● **WHAT YOU WILL DO**: Return all lines of the data in which the string "Balcony" occurs.

● **EXERCISE INPUTS**:

::::::::

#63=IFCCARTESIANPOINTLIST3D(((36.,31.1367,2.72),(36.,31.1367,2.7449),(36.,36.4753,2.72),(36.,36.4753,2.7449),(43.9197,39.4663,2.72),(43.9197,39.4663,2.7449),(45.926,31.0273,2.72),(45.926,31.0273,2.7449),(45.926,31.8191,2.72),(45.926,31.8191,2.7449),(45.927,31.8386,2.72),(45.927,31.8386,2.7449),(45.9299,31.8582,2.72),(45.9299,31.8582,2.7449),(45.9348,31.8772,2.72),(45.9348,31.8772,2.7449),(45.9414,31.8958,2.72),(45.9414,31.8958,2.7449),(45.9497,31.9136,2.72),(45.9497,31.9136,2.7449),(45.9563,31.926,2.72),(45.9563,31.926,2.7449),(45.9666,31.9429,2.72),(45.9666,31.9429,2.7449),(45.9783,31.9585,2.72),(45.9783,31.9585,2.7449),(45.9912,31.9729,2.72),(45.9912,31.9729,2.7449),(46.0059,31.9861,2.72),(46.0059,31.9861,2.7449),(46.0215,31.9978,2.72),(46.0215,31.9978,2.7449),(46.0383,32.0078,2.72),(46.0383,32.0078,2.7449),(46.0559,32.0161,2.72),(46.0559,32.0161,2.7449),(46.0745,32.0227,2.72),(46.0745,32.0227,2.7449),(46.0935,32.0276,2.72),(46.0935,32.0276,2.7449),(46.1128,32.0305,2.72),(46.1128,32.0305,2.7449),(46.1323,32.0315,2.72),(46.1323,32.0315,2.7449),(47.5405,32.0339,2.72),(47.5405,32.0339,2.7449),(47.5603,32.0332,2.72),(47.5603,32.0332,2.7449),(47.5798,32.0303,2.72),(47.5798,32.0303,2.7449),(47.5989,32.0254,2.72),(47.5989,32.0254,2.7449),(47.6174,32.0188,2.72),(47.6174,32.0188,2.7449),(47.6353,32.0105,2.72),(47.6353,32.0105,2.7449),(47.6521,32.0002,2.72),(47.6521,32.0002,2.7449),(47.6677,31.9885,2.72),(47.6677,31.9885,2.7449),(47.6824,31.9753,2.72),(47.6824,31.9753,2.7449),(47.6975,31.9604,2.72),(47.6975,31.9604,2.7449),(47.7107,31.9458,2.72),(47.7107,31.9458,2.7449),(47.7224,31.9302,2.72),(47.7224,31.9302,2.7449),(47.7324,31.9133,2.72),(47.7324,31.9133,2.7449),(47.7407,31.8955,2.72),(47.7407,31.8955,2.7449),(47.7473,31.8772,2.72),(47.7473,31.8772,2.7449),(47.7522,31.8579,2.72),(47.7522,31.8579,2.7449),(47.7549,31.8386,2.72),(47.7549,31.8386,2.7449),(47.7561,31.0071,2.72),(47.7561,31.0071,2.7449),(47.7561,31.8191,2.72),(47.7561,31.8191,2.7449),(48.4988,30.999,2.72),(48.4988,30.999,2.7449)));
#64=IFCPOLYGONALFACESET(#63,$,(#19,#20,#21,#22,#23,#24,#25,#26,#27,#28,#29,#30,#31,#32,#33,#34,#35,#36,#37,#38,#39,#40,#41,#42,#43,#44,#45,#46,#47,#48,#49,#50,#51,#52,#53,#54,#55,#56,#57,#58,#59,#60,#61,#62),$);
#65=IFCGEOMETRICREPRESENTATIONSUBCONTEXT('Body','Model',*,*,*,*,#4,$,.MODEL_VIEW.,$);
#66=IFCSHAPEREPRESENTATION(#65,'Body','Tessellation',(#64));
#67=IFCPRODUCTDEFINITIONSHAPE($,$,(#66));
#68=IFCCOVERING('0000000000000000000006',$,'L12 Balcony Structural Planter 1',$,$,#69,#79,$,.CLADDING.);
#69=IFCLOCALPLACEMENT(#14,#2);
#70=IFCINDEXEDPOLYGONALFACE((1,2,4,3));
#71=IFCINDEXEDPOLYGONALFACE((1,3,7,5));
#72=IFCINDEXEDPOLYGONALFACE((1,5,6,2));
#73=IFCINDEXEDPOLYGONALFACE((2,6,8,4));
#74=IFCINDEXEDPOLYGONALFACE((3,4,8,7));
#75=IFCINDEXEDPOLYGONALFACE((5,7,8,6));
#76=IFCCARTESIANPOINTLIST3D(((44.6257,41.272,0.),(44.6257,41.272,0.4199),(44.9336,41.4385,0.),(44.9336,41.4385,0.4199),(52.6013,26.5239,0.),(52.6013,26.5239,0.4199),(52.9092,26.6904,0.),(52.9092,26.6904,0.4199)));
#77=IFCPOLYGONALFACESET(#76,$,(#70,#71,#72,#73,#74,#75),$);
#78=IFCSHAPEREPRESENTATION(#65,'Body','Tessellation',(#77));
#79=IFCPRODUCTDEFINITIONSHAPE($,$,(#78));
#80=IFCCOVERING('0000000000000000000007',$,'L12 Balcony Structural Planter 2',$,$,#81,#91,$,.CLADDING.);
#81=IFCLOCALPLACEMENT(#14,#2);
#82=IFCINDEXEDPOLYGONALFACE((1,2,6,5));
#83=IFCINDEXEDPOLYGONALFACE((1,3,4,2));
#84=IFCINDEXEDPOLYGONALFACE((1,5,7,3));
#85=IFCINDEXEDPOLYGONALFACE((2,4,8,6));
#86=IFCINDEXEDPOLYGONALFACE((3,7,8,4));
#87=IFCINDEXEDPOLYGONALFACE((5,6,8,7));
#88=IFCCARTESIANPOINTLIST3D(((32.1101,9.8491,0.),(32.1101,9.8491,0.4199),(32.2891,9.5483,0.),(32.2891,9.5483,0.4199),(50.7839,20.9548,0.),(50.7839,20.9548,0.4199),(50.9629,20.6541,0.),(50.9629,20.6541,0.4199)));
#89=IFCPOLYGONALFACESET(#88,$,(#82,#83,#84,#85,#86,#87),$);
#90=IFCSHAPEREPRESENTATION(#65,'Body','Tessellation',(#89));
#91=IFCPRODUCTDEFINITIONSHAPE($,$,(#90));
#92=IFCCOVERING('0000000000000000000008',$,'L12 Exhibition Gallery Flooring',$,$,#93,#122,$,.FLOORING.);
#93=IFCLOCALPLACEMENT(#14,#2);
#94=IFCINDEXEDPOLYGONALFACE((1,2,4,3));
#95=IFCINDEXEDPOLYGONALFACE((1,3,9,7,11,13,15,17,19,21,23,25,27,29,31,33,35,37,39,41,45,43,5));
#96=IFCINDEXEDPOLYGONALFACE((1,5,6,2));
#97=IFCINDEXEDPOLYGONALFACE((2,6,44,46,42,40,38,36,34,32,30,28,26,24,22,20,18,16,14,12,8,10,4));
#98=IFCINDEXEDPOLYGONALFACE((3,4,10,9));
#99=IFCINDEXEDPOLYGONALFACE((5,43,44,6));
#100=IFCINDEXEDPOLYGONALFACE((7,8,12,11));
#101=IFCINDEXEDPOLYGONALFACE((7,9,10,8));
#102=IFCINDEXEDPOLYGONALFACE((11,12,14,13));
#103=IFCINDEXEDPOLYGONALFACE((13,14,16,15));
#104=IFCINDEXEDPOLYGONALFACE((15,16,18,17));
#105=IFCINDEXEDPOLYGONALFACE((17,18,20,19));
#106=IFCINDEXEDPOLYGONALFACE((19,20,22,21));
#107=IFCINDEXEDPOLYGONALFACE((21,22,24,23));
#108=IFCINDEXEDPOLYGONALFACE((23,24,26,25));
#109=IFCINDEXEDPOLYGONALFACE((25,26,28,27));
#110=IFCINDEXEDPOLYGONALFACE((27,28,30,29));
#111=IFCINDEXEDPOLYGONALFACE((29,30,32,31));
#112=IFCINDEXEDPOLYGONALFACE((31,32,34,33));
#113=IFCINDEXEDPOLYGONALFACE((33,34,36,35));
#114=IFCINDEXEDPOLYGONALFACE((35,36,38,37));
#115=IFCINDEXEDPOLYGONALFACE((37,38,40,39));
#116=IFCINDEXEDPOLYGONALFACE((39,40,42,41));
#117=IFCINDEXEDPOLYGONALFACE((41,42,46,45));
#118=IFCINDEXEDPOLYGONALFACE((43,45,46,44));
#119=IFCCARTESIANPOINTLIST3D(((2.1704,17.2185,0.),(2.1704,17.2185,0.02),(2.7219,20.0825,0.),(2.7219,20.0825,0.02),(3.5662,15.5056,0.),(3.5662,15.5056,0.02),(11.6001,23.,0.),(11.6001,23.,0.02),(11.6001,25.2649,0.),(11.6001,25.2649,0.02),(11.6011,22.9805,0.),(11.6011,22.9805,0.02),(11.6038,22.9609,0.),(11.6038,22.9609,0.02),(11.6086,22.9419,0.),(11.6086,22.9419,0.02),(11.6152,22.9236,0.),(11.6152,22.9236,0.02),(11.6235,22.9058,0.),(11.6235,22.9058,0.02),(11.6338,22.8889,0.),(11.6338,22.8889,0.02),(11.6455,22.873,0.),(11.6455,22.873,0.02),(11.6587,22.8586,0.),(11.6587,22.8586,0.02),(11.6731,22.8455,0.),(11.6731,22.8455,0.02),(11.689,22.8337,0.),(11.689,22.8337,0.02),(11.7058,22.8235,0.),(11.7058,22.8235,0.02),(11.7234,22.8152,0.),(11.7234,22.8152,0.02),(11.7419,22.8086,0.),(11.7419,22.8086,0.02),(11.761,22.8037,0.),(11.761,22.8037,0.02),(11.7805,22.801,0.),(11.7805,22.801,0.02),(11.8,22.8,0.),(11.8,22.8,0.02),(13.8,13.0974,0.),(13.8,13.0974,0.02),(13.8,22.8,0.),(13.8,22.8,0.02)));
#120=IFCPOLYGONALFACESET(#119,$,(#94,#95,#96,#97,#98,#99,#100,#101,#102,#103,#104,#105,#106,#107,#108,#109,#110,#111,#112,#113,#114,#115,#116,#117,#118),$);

::::::::

● **ANSWER BELOW**:
#68=IFCCOVERING('0000000000000000000006',$,'L12 Balcony Structural Planter 1',$,$,#69,#79,$,.CLADDING.);
#80=IFCCOVERING('0000000000000000000007',$,'L12 Balcony Structural Planter 2',$,$,#81,#91,$,.CLADDING.);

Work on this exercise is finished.